PROBLEM TO SOLVE: Could you filter the records below and keep only the lines with the word "steel"?
::::
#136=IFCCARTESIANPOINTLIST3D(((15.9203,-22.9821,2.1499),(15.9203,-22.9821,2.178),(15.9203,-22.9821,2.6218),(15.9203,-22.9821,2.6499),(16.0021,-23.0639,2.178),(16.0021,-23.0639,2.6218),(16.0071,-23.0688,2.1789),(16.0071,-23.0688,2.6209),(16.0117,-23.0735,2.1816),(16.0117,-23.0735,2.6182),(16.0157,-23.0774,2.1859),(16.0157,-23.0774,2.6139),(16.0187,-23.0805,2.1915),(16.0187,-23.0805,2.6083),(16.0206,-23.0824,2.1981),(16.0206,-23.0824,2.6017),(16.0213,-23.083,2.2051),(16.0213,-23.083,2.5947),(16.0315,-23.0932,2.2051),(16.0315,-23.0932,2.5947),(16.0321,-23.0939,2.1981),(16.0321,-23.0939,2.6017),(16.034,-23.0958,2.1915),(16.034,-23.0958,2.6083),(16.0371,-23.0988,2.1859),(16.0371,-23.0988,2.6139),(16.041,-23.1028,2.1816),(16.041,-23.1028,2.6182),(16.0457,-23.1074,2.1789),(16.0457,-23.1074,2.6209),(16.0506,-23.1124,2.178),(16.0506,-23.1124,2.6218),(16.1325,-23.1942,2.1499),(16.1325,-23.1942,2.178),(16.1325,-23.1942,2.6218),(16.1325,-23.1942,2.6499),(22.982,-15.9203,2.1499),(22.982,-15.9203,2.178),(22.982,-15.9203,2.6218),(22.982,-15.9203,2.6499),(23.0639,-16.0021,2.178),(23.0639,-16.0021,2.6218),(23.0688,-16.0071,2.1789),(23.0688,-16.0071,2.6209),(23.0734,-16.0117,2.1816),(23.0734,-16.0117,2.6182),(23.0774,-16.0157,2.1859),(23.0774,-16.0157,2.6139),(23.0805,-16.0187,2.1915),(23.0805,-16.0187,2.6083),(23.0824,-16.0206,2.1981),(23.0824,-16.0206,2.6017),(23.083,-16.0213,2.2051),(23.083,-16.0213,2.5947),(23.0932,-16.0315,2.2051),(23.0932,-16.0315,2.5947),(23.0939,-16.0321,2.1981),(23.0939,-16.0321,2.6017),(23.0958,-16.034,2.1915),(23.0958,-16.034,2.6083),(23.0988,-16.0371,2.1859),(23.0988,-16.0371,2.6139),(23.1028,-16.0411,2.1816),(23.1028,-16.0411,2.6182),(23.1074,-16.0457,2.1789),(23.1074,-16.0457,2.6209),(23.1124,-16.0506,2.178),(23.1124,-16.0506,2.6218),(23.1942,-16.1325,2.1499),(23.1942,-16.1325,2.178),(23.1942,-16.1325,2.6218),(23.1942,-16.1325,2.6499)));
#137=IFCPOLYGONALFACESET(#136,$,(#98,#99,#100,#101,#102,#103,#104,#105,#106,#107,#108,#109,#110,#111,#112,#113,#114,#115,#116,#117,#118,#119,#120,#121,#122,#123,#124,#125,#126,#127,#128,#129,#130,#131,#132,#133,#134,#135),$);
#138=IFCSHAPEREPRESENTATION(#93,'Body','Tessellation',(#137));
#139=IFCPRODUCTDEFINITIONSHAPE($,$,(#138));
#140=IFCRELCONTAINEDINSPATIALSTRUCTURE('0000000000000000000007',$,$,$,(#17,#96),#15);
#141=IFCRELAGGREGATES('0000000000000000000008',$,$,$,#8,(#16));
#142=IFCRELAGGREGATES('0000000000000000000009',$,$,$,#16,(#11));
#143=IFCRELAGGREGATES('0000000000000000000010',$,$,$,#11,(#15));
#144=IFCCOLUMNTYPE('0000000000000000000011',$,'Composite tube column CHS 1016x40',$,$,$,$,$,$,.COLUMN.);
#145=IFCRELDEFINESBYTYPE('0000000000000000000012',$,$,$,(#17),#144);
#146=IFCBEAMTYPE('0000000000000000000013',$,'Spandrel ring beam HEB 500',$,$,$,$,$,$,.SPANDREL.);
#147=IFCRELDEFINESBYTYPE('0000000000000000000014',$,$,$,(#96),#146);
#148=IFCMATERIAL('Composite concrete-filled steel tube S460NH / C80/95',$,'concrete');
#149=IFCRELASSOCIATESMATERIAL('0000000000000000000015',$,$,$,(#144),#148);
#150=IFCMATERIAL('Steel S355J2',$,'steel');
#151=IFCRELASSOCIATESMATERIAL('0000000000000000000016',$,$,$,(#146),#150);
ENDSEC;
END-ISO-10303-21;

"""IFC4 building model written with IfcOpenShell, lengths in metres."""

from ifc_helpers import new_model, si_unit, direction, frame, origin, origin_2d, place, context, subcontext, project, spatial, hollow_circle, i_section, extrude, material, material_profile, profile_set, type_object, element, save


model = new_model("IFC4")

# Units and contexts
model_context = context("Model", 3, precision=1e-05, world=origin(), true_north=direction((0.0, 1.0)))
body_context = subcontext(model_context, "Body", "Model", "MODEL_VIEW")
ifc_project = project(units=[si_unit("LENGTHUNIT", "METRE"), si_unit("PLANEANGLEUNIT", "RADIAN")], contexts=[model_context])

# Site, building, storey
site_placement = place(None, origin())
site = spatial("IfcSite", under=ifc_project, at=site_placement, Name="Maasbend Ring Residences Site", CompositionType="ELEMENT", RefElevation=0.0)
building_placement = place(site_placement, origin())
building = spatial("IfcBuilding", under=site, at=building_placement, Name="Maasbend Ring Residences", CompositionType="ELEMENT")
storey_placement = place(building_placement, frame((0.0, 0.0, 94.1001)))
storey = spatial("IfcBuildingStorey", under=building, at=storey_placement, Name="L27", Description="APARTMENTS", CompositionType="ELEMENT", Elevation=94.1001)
::::
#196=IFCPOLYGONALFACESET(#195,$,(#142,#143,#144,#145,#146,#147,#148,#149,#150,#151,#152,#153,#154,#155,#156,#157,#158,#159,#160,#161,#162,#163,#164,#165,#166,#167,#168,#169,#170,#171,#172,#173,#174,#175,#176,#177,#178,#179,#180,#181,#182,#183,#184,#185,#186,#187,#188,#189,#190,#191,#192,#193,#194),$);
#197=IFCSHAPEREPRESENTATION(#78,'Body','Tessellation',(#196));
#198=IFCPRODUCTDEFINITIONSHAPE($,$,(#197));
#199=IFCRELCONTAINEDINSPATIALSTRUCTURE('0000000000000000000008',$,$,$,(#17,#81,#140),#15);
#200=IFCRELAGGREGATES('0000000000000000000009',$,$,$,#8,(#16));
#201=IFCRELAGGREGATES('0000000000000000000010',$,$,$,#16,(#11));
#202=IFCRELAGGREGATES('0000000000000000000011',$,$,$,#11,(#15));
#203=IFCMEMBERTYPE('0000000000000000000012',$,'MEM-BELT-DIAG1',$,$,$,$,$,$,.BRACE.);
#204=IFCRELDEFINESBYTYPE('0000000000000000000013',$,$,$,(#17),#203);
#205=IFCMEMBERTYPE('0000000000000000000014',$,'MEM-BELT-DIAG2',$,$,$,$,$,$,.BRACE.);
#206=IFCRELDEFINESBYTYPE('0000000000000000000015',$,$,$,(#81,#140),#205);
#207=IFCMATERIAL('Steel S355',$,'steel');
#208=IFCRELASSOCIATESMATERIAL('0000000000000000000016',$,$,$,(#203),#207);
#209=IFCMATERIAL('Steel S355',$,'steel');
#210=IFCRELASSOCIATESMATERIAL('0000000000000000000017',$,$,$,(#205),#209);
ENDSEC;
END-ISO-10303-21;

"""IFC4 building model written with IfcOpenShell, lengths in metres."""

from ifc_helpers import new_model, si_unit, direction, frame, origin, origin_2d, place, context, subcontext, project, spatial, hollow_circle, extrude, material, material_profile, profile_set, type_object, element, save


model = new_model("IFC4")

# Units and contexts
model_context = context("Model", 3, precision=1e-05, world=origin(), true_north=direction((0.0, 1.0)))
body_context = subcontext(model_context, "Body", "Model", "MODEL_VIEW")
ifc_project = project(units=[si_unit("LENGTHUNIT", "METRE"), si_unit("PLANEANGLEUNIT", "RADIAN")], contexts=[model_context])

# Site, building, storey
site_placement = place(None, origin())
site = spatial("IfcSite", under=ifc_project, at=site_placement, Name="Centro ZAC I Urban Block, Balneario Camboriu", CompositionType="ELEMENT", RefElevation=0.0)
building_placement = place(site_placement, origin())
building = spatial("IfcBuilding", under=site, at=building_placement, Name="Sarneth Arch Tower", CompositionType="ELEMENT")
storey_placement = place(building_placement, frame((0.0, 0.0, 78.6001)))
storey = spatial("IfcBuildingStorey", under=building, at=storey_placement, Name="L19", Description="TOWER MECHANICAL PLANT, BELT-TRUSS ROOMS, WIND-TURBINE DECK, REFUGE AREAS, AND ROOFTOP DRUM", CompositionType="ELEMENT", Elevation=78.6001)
::::
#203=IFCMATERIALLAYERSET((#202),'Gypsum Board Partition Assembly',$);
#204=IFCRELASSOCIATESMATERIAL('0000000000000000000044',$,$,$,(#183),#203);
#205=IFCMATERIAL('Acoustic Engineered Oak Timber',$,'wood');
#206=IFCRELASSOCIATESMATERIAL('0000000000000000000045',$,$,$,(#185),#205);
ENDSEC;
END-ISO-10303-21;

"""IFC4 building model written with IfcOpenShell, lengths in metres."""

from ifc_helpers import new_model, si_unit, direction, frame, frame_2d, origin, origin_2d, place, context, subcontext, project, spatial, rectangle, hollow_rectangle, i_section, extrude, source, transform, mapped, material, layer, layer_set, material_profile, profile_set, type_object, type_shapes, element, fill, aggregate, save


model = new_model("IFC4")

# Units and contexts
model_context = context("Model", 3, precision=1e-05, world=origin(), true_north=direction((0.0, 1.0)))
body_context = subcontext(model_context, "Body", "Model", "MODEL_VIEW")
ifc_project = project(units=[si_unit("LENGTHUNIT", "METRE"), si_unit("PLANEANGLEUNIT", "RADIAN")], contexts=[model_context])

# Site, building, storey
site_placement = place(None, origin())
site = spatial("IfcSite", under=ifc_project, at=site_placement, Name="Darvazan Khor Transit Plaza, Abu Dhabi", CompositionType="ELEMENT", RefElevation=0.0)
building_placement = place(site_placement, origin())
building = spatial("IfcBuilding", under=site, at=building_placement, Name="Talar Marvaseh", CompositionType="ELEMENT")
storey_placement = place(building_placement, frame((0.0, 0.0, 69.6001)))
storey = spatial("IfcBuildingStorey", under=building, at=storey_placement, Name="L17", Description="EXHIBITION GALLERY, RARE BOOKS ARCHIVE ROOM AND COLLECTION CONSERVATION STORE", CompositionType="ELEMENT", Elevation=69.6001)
::::
ANSWER TO THIS PROBLEM:
#148=IFCMATERIAL('Composite concrete-filled steel tube S460NH / C80/95',$,'concrete');
#150=IFCMATERIAL('Steel S355J2',$,'steel');
#207=IFCMATERIAL('Steel S355',$,'steel');
#209=IFCMATERIAL('Steel S355',$,'steel');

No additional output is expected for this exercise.